▸ **WORK INSTRUCTION**: Wherever a line below holds the word "kind", copy that line.

[Stored items]
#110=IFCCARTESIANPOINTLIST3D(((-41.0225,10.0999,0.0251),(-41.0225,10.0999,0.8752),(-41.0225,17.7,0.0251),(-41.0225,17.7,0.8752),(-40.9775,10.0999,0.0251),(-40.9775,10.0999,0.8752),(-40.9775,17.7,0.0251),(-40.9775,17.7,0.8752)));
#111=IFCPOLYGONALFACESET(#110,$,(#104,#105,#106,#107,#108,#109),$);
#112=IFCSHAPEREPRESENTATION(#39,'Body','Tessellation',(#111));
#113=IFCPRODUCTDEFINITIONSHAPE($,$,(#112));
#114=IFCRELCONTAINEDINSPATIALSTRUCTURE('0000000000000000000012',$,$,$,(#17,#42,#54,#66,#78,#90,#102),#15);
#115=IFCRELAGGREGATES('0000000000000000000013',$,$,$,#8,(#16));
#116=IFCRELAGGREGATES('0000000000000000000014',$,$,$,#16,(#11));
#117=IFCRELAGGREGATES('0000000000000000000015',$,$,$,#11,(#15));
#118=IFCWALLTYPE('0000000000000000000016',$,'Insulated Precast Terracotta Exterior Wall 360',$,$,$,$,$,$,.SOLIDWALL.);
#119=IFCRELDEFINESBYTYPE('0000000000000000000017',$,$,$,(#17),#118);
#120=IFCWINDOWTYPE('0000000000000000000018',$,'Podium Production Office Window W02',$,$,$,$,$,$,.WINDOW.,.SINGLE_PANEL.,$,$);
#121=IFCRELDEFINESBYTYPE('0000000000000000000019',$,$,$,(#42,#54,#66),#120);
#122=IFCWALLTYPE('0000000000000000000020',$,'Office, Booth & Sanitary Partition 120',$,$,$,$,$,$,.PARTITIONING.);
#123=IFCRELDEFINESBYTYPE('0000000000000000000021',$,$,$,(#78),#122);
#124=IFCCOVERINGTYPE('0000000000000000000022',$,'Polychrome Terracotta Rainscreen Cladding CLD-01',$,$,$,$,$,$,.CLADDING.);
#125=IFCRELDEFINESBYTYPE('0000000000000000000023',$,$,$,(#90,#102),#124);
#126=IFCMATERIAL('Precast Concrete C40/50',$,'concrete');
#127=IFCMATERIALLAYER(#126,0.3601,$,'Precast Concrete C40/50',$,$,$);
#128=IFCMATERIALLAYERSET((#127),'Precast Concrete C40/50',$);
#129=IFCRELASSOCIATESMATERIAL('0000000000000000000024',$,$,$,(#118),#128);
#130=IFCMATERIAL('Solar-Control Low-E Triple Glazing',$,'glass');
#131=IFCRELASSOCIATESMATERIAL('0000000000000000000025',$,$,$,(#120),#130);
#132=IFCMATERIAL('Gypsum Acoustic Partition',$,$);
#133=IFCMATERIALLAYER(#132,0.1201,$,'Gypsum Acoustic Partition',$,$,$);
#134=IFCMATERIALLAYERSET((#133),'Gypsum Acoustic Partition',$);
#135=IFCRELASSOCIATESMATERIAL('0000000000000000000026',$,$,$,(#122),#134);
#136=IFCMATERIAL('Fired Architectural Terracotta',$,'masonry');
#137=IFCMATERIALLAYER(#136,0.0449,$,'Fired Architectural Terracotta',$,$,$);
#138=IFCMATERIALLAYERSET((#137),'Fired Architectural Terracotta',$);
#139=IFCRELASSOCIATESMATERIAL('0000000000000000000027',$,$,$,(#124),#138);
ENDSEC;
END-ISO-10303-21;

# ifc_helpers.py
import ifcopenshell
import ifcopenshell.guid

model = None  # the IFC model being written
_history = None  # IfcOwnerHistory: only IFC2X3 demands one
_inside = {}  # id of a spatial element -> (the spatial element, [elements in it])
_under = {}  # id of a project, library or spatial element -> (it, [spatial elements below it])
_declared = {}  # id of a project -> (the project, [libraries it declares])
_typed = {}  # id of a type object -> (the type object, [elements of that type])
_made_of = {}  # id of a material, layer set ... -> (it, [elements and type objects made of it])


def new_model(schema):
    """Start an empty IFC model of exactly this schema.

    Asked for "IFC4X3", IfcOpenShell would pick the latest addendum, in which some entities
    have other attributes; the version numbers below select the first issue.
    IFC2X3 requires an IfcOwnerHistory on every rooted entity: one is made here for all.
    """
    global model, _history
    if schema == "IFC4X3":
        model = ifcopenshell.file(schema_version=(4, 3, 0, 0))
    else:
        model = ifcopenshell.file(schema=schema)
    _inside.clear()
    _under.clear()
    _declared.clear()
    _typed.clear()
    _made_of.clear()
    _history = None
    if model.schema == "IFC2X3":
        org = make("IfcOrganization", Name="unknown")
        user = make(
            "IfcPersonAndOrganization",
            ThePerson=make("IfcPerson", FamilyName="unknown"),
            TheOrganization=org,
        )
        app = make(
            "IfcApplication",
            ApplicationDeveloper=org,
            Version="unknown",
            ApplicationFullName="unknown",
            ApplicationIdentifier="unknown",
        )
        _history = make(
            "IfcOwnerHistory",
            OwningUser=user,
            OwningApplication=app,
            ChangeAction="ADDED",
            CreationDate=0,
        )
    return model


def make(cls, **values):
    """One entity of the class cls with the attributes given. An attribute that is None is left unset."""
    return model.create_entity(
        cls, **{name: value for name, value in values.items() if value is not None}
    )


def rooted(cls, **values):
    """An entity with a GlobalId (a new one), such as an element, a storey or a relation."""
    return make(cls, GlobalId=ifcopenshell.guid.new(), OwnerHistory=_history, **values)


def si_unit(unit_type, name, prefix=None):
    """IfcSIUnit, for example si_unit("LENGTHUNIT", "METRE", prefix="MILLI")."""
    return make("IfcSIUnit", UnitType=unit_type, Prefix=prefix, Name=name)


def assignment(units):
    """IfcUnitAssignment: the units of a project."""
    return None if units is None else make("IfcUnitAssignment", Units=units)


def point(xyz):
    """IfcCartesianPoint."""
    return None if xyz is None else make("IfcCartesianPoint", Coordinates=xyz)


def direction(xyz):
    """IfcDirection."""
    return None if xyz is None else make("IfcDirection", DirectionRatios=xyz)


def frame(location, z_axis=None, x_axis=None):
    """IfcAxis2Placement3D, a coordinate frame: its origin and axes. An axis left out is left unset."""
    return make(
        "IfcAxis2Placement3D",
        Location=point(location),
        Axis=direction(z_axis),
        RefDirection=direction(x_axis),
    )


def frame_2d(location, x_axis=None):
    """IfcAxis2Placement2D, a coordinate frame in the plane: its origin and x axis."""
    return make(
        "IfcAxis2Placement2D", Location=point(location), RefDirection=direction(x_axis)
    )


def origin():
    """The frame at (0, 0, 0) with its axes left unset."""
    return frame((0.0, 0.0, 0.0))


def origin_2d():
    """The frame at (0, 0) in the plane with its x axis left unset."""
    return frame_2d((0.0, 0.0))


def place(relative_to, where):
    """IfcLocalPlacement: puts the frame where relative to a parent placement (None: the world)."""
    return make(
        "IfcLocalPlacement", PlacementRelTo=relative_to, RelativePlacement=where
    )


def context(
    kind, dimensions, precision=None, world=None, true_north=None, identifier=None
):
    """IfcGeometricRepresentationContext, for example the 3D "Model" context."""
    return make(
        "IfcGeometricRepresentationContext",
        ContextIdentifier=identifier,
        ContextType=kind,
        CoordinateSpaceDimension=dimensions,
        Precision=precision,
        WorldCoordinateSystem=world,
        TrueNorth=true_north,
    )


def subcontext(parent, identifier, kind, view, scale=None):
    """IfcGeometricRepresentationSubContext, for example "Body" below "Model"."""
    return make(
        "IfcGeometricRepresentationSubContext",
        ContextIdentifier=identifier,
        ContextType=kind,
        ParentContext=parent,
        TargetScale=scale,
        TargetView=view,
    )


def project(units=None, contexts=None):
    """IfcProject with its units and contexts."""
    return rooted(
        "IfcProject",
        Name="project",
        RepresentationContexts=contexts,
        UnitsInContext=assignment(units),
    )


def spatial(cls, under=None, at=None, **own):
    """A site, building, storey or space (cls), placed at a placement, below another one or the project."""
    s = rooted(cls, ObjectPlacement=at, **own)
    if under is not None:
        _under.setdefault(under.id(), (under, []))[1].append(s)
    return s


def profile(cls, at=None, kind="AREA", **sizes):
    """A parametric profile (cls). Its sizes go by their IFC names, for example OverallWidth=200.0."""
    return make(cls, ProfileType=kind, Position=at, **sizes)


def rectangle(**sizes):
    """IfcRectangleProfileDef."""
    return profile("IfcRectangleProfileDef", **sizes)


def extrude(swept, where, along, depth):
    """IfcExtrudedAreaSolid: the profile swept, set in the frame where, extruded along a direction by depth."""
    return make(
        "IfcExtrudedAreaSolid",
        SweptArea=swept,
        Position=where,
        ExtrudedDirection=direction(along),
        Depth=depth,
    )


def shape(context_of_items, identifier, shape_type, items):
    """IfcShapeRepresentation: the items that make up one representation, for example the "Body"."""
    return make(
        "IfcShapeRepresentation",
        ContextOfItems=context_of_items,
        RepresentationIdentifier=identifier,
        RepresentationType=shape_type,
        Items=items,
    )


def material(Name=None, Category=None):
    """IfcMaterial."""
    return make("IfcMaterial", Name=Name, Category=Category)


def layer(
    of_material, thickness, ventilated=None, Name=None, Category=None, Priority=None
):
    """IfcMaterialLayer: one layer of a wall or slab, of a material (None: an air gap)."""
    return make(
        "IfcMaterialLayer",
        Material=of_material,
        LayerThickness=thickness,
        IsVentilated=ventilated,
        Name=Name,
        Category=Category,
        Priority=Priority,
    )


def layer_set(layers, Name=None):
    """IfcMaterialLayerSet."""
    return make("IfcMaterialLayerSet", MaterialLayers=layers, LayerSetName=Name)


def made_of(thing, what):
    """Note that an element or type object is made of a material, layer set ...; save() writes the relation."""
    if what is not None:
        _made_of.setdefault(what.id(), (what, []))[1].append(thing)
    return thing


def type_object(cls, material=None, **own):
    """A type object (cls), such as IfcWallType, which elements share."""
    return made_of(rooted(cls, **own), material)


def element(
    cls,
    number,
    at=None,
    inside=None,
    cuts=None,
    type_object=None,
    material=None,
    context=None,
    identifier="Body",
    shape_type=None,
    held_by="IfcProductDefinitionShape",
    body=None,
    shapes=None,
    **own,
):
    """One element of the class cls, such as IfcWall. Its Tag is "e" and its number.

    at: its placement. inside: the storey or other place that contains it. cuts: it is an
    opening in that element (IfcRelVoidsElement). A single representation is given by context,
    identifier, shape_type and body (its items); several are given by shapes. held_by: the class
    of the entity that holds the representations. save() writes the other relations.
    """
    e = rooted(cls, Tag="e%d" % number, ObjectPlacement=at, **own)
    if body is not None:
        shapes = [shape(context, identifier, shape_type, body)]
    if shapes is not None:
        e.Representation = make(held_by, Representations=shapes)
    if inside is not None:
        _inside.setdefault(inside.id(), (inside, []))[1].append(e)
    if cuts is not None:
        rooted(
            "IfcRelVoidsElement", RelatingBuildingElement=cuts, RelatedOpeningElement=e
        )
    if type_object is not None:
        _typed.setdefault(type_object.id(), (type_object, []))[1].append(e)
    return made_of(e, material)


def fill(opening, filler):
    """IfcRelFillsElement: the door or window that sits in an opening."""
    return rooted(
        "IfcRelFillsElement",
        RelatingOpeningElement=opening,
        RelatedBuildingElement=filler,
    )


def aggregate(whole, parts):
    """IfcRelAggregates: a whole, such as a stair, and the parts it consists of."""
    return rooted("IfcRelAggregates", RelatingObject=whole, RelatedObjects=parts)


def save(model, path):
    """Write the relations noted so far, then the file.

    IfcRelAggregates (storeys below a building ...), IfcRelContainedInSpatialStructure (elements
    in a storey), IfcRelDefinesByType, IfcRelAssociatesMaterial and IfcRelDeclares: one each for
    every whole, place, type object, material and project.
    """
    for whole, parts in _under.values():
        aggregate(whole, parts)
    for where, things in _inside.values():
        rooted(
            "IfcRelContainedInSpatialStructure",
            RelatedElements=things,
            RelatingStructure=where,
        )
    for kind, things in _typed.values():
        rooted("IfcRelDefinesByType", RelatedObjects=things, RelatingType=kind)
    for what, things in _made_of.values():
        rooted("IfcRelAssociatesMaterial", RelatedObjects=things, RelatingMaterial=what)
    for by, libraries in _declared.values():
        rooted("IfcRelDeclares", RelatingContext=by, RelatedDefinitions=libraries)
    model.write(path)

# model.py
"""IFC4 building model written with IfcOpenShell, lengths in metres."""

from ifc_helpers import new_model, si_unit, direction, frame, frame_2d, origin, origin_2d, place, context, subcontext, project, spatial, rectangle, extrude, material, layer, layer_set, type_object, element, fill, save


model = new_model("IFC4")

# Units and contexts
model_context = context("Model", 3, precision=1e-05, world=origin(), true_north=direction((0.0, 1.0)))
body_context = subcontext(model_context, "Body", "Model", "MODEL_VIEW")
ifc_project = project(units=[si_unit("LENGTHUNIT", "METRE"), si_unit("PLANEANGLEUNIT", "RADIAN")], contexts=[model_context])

▸ **ANSWER TO THIS PROBLEM**:
    kind, dimensions, precision=None, world=None, true_north=None, identifier=None
        ContextType=kind,
def subcontext(parent, identifier, kind, view, scale=None):
        ContextType=kind,
def profile(cls, at=None, kind="AREA", **sizes):
    return make(cls, ProfileType=kind, Position=at, **sizes)
    for kind, things in _typed.values():
        rooted("IfcRelDefinesByType", RelatedObjects=things, RelatingType=kind)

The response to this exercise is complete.